▶ _EXERCISE AIM_: Each line of the data below that includes the string "Body" must be copied.

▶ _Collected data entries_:
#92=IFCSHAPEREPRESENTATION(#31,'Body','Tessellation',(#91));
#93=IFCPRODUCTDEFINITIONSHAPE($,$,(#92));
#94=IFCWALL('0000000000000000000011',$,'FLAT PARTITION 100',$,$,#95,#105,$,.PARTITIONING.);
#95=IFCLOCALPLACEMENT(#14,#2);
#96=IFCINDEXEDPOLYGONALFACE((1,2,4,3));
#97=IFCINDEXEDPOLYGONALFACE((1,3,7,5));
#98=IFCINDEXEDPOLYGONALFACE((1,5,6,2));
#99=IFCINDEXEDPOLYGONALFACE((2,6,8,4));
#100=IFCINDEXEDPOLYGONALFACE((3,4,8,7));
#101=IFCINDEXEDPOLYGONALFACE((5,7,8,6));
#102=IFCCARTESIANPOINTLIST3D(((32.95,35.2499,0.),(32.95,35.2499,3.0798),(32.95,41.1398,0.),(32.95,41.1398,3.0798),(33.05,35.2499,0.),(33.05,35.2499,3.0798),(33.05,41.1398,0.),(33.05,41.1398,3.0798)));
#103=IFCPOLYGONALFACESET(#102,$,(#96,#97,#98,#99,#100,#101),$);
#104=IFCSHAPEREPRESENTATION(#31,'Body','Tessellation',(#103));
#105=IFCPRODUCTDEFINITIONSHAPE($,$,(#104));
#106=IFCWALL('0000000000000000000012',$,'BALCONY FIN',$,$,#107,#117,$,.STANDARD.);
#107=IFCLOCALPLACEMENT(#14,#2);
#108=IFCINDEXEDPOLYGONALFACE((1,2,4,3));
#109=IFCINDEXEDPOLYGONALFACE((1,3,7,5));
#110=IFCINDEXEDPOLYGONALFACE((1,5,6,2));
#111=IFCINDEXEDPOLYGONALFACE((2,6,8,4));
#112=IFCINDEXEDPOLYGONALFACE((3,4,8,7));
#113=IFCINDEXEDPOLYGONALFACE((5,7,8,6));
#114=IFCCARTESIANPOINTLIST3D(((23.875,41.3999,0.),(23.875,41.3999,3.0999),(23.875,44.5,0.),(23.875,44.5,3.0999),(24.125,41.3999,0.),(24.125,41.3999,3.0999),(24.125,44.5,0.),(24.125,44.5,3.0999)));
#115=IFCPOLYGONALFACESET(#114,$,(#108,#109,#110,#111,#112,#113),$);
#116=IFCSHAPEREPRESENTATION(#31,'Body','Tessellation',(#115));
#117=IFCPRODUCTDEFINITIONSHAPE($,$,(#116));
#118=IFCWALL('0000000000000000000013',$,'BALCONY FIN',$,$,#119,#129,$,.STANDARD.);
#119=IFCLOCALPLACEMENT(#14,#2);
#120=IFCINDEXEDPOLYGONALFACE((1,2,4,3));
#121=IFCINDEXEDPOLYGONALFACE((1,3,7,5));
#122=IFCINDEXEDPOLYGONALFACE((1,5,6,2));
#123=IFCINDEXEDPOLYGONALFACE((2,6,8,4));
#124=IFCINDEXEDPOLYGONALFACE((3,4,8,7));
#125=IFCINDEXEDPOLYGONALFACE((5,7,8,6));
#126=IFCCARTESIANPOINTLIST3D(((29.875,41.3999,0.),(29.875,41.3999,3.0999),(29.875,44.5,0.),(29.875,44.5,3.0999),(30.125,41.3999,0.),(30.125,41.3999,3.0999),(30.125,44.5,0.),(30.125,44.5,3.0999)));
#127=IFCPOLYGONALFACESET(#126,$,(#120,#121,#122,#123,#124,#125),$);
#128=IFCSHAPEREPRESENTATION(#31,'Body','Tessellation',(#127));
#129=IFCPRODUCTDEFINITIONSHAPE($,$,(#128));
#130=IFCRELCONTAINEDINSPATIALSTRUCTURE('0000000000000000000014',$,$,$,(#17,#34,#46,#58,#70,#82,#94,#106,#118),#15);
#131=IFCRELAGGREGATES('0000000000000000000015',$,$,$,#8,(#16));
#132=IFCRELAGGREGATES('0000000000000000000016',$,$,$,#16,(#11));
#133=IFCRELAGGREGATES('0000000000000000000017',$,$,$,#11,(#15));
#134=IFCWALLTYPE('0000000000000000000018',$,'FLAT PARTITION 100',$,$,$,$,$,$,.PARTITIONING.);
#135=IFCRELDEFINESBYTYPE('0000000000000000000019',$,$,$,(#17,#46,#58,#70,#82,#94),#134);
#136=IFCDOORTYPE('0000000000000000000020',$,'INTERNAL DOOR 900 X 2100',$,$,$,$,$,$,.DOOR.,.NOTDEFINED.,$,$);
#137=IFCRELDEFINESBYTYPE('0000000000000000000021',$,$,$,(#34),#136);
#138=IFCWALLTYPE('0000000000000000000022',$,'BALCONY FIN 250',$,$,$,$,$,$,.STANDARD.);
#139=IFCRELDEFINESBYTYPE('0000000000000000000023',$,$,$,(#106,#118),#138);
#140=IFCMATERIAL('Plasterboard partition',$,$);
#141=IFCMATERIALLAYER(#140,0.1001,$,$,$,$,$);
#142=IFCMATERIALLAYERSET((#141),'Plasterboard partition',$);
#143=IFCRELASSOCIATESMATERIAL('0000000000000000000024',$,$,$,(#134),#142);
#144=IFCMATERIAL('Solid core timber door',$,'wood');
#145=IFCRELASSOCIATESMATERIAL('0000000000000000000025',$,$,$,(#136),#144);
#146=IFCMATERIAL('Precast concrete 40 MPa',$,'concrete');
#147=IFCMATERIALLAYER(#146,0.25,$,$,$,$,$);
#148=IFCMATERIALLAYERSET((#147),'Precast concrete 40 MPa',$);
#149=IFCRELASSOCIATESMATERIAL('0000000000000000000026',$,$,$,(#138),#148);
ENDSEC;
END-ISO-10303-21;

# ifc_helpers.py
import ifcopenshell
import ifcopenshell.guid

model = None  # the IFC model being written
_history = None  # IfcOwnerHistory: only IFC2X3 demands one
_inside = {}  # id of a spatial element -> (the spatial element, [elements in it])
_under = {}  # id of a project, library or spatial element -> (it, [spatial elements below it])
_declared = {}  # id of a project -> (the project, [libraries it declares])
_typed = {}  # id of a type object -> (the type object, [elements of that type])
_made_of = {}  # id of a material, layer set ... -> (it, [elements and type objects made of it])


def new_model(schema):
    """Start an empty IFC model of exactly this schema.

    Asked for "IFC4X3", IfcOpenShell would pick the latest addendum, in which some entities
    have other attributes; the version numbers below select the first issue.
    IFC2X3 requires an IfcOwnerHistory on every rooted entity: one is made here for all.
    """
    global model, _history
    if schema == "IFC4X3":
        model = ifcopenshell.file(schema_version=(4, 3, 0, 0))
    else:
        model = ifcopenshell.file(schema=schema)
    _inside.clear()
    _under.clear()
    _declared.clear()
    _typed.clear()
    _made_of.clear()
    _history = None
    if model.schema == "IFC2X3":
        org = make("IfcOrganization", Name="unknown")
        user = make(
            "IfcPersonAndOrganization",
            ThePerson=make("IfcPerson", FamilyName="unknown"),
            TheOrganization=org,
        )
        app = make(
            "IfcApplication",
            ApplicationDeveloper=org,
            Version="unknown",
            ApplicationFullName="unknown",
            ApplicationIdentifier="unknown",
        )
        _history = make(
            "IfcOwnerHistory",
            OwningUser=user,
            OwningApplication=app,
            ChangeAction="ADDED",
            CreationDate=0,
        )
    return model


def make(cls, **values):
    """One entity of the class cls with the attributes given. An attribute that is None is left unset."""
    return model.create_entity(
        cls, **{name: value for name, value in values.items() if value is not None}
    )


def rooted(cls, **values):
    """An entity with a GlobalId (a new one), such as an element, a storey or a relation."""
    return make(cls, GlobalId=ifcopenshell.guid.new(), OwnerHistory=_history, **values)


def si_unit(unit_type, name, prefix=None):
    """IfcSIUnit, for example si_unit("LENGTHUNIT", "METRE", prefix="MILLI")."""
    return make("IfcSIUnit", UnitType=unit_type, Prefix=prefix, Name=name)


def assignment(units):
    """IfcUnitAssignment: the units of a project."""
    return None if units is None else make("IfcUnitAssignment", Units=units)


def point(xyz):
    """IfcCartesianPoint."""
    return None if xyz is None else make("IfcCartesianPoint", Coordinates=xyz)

▶ _SOLVED EXERCISE_:
#92=IFCSHAPEREPRESENTATION(#31,'Body','Tessellation',(#91));
#104=IFCSHAPEREPRESENTATION(#31,'Body','Tessellation',(#103));
#116=IFCSHAPEREPRESENTATION(#31,'Body','Tessellation',(#115));
#128=IFCSHAPEREPRESENTATION(#31,'Body','Tessellation',(#127));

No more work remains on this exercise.